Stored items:
☆ ☆ ☆ ☆ ☆ ☆ ☆

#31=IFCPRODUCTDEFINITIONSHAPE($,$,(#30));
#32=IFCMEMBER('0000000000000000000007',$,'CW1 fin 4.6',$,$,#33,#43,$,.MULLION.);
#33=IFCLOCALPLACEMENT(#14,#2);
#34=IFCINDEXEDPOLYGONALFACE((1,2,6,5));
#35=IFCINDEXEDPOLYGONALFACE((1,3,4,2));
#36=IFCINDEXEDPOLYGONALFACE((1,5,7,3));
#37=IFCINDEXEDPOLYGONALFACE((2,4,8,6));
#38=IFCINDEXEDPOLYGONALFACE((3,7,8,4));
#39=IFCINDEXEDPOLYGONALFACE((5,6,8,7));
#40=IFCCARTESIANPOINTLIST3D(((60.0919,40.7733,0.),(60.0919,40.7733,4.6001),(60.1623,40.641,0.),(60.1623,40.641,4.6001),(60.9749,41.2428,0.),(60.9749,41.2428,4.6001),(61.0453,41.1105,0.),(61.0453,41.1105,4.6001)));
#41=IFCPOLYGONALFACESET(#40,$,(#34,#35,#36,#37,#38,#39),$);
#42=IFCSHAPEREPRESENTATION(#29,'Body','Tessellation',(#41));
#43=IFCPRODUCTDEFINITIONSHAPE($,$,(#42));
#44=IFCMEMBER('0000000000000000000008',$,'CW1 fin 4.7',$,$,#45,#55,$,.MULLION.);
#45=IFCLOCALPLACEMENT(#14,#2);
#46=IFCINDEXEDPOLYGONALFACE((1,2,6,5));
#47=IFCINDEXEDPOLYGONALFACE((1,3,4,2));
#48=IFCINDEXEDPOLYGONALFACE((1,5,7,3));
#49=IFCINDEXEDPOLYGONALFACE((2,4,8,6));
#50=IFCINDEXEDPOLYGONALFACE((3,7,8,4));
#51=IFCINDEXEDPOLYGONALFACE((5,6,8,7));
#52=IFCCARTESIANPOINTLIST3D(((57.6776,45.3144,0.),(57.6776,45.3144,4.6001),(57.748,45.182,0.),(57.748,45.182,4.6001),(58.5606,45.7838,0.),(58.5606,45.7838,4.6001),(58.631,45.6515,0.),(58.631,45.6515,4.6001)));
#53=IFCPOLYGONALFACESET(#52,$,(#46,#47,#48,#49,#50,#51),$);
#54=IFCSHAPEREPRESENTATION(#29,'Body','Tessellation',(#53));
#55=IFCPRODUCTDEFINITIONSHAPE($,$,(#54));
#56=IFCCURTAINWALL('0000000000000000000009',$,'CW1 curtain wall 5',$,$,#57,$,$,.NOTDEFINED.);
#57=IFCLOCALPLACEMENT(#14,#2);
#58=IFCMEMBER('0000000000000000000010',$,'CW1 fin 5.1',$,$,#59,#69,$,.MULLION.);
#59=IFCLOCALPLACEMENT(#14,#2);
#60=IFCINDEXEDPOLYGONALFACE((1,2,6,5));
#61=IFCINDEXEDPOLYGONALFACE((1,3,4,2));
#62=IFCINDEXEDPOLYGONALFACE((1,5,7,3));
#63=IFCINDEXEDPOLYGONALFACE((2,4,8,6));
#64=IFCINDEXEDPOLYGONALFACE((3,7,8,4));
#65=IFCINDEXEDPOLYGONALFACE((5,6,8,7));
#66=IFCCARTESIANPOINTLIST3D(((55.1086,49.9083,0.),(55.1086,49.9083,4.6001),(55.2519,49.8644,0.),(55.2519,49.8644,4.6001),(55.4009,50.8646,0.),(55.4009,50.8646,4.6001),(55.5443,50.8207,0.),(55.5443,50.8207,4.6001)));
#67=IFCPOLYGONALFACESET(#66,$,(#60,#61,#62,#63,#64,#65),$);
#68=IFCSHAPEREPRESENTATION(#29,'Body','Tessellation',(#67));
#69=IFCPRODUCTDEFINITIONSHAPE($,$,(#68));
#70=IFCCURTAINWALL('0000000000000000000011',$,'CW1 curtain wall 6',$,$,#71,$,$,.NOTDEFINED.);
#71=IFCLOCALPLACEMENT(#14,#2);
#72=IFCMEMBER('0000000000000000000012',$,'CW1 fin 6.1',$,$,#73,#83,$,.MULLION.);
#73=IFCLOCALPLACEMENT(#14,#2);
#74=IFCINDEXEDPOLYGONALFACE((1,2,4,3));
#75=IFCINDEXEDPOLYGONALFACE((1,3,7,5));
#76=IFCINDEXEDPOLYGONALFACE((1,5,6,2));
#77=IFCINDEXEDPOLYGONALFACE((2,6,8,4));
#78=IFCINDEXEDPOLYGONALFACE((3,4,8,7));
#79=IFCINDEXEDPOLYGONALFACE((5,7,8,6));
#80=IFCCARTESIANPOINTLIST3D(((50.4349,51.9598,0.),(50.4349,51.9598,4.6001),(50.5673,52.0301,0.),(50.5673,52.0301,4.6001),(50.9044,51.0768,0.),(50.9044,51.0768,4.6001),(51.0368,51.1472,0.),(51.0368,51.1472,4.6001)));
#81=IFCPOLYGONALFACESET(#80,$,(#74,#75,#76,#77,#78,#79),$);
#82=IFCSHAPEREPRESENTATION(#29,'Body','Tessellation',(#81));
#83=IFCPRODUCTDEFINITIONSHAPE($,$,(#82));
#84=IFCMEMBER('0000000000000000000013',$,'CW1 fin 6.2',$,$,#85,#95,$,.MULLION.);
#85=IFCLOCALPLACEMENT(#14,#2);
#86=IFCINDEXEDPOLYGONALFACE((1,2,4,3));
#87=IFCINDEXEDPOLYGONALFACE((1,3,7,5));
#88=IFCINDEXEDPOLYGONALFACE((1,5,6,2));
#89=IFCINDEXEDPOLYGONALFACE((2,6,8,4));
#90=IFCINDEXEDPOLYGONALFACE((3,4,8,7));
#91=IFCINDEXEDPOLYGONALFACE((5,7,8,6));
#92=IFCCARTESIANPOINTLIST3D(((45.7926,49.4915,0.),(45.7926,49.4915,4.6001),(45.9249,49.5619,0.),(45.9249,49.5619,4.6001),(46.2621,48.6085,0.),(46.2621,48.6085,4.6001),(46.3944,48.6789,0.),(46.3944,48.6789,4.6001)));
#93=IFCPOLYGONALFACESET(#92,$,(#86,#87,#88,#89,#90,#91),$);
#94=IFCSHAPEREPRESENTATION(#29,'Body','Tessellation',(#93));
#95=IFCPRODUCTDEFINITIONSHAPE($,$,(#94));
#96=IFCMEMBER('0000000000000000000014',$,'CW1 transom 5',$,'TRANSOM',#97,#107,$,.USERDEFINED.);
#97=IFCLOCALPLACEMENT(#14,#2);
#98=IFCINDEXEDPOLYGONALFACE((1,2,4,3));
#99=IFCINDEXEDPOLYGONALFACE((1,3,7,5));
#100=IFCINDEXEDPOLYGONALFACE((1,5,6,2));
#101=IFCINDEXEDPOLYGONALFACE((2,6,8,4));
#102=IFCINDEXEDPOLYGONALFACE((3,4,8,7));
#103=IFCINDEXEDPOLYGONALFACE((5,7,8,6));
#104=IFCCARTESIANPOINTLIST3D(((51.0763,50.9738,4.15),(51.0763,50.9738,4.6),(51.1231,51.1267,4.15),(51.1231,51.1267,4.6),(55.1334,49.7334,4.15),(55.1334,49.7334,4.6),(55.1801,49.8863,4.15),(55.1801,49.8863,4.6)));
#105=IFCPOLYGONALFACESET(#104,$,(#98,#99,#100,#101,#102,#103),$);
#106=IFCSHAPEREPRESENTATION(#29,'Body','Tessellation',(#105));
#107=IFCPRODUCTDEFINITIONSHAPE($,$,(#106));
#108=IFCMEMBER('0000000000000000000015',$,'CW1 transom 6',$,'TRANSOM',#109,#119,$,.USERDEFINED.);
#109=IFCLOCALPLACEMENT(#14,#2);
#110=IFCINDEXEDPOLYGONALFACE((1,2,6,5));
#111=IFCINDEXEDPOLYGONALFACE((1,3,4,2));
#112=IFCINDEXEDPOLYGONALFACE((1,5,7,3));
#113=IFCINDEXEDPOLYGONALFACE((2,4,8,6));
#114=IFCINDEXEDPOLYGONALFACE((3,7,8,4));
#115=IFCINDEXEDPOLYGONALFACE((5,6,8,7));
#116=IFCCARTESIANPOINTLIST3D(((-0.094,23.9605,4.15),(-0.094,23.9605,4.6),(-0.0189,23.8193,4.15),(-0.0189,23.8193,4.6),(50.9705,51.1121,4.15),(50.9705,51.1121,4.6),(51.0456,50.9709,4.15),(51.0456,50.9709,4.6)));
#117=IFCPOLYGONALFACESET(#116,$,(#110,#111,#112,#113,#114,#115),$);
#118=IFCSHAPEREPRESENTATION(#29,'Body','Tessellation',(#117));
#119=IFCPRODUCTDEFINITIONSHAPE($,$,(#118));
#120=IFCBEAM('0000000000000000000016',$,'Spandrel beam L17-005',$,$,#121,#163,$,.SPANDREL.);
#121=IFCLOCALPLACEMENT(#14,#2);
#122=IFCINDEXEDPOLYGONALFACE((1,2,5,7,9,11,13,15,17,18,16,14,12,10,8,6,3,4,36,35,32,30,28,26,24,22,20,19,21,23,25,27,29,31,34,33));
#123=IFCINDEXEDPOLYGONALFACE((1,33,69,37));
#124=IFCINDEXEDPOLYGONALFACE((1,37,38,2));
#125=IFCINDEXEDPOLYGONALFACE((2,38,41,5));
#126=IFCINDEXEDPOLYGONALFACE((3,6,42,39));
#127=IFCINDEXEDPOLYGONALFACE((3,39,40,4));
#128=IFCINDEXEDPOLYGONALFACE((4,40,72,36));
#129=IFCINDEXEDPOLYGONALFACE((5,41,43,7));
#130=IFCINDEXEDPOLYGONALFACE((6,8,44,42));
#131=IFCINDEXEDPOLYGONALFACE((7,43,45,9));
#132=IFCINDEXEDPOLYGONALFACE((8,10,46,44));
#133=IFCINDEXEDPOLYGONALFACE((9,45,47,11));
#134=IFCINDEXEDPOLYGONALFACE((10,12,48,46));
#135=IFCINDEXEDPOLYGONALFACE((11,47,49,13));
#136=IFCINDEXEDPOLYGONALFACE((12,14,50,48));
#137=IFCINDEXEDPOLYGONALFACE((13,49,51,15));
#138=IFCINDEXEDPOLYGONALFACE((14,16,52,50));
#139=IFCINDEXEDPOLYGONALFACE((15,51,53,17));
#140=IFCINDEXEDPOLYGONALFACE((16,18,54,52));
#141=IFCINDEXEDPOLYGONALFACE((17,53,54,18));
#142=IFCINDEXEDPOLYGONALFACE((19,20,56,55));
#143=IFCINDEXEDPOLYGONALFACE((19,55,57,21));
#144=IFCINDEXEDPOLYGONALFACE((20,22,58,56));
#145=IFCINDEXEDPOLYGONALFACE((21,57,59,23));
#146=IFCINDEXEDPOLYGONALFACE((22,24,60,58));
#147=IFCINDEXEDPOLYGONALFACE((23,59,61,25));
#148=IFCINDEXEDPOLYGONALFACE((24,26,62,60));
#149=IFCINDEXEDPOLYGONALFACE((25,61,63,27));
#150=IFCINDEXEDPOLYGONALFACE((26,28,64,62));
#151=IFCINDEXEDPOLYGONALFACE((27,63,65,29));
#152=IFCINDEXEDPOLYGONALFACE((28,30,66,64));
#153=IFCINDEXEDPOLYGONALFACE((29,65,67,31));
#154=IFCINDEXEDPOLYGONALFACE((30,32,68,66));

☆ ☆ ☆ ☆ ☆ ☆ ☆

> [WHAT THE TASK REQUIRES]: Could you return exactly the lines above from the line with "#119=IFCPRODUCTDEFINITIONSHAPE($,$,(#118));" to the line with "#121=IFCLOCALPLACEMENT(#14,#2);", both included, and nothing else?

> [WRITTEN SOLUTION]:
#119=IFCPRODUCTDEFINITIONSHAPE($,$,(#118));
#120=IFCBEAM('0000000000000000000016',$,'Spandrel beam L17-005',$,$,#121,#163,$,.SPANDREL.);
#121=IFCLOCALPLACEMENT(#14,#2);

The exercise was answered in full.